Every line from the beginning of the records below up to the one holding "#16=IFCLOCALPLACEMENT(#12,#2);" should be quoted exactly; leave out the rest.
-- Data for analysis follows --
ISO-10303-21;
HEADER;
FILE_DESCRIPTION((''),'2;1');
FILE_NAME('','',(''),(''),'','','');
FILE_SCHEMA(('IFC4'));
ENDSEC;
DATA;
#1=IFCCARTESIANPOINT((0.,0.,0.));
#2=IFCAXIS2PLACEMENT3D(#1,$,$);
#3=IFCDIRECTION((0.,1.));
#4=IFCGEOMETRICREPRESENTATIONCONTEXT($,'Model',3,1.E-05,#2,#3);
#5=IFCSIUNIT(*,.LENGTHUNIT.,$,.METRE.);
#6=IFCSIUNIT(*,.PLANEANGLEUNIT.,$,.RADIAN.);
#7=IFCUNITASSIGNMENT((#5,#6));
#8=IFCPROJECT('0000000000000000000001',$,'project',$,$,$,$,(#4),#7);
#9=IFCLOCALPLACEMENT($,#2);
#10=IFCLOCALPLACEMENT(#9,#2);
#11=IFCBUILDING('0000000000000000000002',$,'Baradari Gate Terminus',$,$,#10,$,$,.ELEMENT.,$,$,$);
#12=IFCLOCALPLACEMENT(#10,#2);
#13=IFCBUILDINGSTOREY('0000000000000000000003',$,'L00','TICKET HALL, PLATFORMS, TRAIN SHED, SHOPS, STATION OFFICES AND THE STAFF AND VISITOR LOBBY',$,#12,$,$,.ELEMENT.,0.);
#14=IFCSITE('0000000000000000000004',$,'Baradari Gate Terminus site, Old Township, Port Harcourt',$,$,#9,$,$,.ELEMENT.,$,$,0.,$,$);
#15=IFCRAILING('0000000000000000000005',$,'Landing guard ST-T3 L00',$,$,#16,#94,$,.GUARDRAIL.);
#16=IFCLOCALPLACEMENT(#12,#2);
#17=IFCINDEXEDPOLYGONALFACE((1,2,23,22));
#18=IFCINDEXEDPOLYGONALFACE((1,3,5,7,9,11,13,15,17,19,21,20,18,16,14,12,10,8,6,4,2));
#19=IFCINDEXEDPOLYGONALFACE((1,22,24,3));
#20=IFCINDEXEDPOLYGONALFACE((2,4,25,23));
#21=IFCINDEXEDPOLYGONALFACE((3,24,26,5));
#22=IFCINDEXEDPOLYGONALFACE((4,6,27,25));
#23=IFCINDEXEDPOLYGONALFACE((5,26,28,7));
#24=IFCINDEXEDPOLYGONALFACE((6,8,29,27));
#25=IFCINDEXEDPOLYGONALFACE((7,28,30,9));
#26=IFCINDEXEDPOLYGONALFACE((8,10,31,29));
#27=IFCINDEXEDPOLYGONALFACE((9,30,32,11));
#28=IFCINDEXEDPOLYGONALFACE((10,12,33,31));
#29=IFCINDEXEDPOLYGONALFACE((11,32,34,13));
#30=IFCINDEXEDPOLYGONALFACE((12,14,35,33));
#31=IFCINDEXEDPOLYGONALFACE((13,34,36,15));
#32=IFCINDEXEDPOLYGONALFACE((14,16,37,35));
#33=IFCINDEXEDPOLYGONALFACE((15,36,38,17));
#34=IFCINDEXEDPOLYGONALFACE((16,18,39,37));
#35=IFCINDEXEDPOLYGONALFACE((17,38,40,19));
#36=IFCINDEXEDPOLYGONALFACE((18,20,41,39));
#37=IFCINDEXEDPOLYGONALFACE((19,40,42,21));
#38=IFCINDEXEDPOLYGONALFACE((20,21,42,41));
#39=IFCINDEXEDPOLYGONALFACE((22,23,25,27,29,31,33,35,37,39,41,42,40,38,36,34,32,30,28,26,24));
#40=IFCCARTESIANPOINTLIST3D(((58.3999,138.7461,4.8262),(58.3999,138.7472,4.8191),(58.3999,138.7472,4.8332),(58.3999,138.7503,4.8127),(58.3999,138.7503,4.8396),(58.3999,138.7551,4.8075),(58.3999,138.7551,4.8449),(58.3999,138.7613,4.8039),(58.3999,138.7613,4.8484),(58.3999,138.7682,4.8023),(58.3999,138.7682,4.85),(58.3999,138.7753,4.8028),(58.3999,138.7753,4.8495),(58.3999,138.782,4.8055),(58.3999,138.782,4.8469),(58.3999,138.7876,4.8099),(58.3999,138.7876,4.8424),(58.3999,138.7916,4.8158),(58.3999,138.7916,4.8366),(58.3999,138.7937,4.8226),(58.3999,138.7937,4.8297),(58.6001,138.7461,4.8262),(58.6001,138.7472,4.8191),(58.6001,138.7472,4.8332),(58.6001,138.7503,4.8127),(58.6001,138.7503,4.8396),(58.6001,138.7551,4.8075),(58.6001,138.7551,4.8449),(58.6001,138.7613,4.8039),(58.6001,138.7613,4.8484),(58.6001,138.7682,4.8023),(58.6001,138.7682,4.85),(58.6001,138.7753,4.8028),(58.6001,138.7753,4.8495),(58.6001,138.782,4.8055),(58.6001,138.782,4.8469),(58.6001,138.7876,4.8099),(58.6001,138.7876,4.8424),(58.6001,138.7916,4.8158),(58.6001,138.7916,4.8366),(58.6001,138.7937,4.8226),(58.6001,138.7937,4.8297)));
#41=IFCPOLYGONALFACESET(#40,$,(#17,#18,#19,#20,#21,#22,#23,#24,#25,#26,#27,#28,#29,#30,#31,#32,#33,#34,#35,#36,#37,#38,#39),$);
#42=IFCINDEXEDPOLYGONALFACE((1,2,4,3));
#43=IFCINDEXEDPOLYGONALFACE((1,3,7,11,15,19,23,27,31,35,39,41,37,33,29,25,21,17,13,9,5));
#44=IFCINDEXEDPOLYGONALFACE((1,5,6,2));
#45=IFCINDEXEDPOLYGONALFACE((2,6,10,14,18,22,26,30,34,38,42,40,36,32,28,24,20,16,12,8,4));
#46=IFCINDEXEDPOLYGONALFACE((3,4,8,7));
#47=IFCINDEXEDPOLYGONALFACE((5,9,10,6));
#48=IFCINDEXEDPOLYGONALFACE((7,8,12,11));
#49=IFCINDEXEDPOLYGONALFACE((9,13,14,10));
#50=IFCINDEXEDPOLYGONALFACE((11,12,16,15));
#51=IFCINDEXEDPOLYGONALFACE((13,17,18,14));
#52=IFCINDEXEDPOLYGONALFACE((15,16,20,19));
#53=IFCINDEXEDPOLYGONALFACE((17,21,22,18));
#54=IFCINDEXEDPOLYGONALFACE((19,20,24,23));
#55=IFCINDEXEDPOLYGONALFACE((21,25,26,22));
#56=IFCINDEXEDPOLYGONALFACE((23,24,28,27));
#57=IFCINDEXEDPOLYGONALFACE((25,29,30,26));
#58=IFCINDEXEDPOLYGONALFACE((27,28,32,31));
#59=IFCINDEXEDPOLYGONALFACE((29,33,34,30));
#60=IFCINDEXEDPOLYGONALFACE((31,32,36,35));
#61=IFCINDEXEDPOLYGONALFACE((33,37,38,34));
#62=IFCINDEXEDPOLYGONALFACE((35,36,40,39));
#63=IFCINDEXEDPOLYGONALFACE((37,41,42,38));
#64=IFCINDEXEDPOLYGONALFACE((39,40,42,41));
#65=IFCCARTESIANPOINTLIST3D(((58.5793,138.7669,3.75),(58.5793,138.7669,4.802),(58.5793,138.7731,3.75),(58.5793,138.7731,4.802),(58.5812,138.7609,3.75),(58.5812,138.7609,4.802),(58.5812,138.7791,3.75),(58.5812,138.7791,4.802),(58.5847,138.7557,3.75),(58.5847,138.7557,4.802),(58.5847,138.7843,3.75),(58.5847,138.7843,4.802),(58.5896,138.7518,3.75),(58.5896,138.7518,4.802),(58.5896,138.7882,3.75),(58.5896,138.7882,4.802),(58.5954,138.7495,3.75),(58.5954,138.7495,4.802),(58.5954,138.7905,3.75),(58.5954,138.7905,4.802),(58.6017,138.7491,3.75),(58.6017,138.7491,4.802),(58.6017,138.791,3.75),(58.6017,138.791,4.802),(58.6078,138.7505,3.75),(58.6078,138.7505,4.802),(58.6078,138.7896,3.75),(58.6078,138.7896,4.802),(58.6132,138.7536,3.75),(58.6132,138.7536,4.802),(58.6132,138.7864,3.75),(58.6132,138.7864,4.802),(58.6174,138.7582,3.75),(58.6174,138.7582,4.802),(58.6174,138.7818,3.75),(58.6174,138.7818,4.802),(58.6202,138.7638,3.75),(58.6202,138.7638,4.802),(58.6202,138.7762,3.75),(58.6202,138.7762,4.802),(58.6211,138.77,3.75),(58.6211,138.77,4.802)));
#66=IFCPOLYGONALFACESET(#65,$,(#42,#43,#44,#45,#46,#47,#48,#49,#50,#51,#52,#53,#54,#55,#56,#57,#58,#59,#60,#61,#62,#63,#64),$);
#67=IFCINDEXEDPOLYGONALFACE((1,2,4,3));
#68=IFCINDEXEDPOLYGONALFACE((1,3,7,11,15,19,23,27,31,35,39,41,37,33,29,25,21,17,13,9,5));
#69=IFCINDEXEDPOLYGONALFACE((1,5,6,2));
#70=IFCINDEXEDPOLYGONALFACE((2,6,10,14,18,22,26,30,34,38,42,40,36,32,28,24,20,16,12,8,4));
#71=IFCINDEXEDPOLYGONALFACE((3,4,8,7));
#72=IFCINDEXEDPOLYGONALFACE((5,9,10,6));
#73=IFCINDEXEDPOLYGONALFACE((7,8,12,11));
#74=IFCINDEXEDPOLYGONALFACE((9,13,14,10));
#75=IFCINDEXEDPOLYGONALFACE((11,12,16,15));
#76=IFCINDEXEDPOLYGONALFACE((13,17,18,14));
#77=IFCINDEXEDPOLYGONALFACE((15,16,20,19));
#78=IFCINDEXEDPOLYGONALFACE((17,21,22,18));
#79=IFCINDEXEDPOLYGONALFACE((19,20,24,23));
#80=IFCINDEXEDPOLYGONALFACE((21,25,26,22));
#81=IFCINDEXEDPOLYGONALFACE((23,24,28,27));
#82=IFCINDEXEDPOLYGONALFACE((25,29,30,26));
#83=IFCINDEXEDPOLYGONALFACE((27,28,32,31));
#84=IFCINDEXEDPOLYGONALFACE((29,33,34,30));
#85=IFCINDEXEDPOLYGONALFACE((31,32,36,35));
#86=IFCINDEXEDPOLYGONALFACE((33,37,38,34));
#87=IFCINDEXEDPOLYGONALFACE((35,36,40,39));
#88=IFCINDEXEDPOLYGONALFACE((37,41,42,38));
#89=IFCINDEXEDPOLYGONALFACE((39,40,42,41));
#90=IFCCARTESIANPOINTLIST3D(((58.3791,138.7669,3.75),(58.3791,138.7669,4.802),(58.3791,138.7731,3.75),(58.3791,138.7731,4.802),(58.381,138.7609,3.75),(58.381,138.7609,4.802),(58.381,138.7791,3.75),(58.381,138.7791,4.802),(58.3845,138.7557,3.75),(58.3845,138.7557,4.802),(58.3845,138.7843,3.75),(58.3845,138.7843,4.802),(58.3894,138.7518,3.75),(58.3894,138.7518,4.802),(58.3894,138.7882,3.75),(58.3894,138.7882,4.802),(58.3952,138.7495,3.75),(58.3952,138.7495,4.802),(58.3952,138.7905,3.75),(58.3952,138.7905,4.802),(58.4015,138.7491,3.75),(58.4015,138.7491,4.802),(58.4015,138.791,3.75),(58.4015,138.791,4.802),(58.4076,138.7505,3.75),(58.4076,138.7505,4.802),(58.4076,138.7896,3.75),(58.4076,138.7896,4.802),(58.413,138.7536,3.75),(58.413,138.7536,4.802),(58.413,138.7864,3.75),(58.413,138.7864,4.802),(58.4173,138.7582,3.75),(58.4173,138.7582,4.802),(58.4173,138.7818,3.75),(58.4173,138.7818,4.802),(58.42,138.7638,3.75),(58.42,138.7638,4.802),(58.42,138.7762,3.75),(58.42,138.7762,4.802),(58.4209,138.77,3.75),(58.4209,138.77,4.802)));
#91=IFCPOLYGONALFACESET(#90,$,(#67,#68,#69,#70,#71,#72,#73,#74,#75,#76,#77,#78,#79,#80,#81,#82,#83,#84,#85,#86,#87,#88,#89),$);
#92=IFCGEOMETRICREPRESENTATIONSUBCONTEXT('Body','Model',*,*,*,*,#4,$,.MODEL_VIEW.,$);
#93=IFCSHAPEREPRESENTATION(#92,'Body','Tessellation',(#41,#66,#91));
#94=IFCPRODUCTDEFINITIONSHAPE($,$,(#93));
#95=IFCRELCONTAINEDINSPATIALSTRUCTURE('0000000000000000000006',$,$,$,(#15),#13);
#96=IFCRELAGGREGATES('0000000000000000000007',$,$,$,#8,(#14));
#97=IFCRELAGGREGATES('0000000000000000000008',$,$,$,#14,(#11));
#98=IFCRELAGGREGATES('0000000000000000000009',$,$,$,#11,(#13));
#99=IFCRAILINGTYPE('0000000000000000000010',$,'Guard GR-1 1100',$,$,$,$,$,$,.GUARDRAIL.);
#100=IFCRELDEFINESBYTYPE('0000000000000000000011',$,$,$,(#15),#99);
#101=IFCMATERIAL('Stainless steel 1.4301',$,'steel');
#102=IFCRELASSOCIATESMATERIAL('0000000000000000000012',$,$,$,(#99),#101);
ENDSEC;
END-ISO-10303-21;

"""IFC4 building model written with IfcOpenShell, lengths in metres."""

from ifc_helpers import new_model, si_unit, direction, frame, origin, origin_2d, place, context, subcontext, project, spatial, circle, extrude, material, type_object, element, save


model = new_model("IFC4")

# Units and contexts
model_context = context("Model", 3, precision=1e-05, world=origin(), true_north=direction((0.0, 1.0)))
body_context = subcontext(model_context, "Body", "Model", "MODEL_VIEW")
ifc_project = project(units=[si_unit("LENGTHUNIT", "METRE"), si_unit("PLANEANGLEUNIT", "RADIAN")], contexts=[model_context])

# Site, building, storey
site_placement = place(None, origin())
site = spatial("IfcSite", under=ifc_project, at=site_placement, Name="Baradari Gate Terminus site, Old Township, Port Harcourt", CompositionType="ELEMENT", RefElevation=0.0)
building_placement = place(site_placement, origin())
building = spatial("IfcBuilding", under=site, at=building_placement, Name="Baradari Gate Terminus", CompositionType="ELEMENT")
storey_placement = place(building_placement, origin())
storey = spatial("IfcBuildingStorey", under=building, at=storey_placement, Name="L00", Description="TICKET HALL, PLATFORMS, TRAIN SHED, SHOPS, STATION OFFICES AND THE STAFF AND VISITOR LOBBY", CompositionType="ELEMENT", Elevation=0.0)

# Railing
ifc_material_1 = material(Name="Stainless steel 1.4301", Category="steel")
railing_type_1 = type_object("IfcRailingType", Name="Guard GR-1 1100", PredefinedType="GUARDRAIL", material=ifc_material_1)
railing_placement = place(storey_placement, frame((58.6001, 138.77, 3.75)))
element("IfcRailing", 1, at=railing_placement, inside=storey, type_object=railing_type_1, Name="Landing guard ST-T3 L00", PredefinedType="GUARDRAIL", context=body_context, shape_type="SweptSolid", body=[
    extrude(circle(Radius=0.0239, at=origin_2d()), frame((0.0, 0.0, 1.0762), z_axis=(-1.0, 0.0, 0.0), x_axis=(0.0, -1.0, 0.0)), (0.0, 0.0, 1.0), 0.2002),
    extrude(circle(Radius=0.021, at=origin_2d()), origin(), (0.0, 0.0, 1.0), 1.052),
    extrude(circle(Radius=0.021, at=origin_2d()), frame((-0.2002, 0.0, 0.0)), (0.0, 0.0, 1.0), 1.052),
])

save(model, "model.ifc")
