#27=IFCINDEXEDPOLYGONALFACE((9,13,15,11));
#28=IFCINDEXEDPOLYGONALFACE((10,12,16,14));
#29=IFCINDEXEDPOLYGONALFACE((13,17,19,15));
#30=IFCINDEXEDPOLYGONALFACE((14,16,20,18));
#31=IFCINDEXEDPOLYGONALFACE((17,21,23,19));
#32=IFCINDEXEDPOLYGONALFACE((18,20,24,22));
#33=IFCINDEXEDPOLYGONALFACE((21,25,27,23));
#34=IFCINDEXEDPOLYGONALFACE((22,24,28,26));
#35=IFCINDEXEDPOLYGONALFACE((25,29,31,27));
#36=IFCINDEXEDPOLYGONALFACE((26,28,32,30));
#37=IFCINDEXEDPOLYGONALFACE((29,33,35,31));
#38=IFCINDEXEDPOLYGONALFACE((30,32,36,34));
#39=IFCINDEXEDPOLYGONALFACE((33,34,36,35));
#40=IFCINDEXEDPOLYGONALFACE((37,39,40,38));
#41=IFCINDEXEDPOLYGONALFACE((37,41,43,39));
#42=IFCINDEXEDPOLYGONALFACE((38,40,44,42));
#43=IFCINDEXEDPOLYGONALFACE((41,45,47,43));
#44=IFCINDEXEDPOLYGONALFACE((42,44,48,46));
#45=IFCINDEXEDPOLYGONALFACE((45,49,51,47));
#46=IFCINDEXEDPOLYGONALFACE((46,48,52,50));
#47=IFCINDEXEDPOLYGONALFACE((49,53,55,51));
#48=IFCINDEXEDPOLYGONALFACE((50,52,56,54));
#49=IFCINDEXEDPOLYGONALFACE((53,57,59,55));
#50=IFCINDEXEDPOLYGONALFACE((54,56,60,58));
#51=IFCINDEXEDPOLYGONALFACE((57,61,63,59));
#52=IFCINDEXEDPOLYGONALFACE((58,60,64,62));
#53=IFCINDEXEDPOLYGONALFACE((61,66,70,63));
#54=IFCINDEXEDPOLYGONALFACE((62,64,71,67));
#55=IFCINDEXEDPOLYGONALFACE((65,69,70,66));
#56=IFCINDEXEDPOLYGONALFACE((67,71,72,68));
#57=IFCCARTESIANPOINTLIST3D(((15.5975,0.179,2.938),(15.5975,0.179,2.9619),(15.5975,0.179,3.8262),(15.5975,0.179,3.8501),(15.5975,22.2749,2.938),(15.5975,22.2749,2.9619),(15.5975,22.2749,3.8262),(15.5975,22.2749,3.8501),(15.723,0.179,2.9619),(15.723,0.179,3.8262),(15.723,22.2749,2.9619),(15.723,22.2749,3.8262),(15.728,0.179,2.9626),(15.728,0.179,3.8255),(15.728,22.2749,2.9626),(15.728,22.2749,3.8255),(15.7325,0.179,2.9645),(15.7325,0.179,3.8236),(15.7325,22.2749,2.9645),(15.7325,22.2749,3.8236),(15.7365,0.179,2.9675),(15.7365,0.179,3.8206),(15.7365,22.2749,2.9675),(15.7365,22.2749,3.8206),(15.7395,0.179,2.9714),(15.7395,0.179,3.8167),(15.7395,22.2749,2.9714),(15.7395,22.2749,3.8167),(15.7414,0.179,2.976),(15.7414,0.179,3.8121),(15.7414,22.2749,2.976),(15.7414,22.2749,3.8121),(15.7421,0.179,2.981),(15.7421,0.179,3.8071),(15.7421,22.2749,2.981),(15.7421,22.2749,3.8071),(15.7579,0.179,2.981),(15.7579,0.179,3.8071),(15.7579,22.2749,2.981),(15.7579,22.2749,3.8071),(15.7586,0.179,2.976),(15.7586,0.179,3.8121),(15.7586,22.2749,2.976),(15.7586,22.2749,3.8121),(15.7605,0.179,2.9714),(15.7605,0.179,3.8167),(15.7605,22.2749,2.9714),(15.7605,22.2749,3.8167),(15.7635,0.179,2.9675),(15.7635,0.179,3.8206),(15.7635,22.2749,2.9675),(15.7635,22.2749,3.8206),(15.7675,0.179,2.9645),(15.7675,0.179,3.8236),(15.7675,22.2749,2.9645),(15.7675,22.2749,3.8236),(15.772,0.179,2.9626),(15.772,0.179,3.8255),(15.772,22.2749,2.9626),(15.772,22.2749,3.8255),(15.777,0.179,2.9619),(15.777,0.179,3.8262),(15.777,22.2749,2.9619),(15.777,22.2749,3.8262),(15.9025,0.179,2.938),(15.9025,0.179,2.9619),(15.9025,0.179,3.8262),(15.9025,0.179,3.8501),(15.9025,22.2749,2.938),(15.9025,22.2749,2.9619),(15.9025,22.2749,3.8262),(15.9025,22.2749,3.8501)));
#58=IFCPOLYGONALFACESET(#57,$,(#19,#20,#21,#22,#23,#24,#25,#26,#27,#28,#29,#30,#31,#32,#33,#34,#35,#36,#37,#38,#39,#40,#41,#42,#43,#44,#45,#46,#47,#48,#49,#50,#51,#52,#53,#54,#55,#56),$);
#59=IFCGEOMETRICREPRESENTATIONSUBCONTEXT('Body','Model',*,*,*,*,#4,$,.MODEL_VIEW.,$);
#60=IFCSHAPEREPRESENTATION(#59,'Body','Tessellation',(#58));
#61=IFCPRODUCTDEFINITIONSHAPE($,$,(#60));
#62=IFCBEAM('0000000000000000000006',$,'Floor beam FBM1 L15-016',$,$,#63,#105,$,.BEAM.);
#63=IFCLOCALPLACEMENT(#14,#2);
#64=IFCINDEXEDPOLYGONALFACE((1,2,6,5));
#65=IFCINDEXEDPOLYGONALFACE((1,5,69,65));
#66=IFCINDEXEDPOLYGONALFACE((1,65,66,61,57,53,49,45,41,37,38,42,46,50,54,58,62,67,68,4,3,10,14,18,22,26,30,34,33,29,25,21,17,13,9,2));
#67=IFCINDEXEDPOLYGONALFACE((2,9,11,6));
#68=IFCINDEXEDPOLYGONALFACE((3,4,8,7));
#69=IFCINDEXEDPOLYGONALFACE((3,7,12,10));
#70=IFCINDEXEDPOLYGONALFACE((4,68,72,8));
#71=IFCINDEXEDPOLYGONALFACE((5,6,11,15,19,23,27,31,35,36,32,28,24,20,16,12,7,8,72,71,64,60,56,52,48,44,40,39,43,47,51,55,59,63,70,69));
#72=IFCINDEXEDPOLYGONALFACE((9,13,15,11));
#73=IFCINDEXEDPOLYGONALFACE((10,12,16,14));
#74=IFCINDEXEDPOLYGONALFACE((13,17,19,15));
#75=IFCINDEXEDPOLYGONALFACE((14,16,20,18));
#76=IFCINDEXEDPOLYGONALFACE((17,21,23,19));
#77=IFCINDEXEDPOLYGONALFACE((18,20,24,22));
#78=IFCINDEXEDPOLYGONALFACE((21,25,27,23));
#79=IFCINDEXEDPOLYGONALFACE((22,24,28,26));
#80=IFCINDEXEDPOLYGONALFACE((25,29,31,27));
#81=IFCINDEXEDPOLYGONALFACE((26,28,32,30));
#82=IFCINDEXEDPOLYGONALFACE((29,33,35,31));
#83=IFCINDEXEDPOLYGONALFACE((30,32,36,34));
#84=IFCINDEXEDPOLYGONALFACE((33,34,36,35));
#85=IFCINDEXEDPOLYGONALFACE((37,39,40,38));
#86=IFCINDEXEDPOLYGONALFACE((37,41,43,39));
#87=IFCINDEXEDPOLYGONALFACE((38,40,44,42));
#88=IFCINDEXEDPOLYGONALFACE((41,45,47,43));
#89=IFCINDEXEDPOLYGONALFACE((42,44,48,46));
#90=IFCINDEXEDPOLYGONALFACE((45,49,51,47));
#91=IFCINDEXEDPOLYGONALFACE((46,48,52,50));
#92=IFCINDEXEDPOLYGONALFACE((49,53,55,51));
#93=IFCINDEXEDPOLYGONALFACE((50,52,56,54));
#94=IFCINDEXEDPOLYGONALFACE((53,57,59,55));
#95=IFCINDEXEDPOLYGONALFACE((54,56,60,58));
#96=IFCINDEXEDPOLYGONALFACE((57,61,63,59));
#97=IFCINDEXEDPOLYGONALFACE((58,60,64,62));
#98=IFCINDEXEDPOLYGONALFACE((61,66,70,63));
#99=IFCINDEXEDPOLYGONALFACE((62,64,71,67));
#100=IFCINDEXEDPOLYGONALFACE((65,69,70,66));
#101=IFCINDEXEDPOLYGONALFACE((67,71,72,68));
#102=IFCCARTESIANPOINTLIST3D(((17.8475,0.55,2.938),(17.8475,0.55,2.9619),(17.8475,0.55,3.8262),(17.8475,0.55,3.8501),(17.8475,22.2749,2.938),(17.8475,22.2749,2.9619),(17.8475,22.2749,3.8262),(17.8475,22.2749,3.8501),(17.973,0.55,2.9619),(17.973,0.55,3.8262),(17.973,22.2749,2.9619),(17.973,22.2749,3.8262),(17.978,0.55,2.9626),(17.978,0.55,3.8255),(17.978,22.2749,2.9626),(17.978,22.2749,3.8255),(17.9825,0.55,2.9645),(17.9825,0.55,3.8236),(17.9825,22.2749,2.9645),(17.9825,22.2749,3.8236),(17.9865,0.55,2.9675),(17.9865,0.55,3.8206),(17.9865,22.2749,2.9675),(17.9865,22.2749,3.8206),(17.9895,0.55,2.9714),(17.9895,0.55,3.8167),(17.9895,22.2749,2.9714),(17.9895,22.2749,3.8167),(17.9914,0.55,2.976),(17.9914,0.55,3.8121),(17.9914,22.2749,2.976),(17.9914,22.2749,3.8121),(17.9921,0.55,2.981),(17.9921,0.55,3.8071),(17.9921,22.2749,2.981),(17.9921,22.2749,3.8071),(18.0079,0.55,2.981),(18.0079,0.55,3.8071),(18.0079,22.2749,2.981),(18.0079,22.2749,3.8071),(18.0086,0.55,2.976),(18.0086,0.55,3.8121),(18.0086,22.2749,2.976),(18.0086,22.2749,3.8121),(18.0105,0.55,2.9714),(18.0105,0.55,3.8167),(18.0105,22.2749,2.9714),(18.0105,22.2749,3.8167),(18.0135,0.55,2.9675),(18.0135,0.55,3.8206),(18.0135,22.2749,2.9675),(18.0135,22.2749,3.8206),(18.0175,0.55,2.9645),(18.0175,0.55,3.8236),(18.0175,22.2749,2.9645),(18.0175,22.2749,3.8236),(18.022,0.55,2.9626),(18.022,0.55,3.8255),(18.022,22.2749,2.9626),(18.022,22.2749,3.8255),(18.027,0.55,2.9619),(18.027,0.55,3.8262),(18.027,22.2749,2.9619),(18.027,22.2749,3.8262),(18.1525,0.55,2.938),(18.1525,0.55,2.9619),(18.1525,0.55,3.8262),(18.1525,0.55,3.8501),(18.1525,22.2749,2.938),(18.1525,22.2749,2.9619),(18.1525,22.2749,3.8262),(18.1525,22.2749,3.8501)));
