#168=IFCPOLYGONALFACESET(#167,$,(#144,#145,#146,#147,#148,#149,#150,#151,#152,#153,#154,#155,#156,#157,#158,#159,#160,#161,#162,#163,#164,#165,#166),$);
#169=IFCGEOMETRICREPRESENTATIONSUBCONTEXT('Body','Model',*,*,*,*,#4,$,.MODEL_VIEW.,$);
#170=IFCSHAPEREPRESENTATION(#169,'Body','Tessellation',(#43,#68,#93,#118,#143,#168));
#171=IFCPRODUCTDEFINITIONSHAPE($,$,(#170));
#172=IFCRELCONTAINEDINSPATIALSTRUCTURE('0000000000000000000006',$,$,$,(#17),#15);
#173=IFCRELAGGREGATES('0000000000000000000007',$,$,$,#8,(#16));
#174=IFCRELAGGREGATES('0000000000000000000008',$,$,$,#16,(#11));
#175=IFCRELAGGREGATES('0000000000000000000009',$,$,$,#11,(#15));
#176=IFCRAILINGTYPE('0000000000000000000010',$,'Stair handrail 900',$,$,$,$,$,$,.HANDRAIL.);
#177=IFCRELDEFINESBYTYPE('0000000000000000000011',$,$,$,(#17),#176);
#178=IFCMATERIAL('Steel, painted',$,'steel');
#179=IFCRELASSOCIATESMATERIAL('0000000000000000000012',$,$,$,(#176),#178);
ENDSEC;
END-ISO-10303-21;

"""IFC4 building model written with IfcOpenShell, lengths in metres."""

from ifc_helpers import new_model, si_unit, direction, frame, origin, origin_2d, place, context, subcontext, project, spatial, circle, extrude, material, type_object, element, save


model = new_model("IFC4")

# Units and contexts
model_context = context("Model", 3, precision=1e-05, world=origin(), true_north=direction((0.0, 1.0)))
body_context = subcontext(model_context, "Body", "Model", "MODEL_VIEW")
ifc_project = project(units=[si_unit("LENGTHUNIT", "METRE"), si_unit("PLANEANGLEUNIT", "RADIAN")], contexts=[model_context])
-- Data for analysis concluded --
_Solution_
ISO-10303-21;
HEADER;
FILE_DESCRIPTION((''),'2;1');
FILE_NAME('','',(''),(''),'','','');
FILE_SCHEMA(('IFC4'));
ENDSEC;
DATA;
#1=IFCCARTESIANPOINT((0.,0.,0.));
#2=IFCAXIS2PLACEMENT3D(#1,$,$);
#3=IFCDIRECTION((0.,1.));
#4=IFCGEOMETRICREPRESENTATIONCONTEXT($,'Model',3,1.E-05,#2,#3);
#5=IFCSIUNIT(*,.LENGTHUNIT.,$,.METRE.);
#6=IFCSIUNIT(*,.PLANEANGLEUNIT.,$,.RADIAN.);
#7=IFCUNITASSIGNMENT((#5,#6));
#8=IFCPROJECT('0000000000000000000001',$,'project',$,$,$,$,(#4),#7);
#9=IFCLOCALPLACEMENT($,#2);
#10=IFCLOCALPLACEMENT(#9,#2);
#11=IFCBUILDING('0000000000000000000002',$,'Baradari Gate Terminus',$,$,#10,$,$,.ELEMENT.,$,$,$);
#12=IFCLOCALPLACEMENT(#10,#2);
#13=IFCBUILDINGSTOREY('0000000000000000000003',$,'L00','TICKET HALL, PLATFORMS, TRAIN SHED, SHOPS, STATION OFFICES AND THE STAFF AND VISITOR LOBBY',$,#12,$,$,.ELEMENT.,0.);
#14=IFCSITE('0000000000000000000004',$,'Baradari Gate Terminus site, Old Township, Port Harcourt',$,$,#9,$,$,.ELEMENT.,$,$,0.,$,$);
#15=IFCRAILING('0000000000000000000005',$,'Landing guard ST-T3 L00',$,$,#16,#94,$,.GUARDRAIL.);
#16=IFCLOCALPLACEMENT(#12,#2);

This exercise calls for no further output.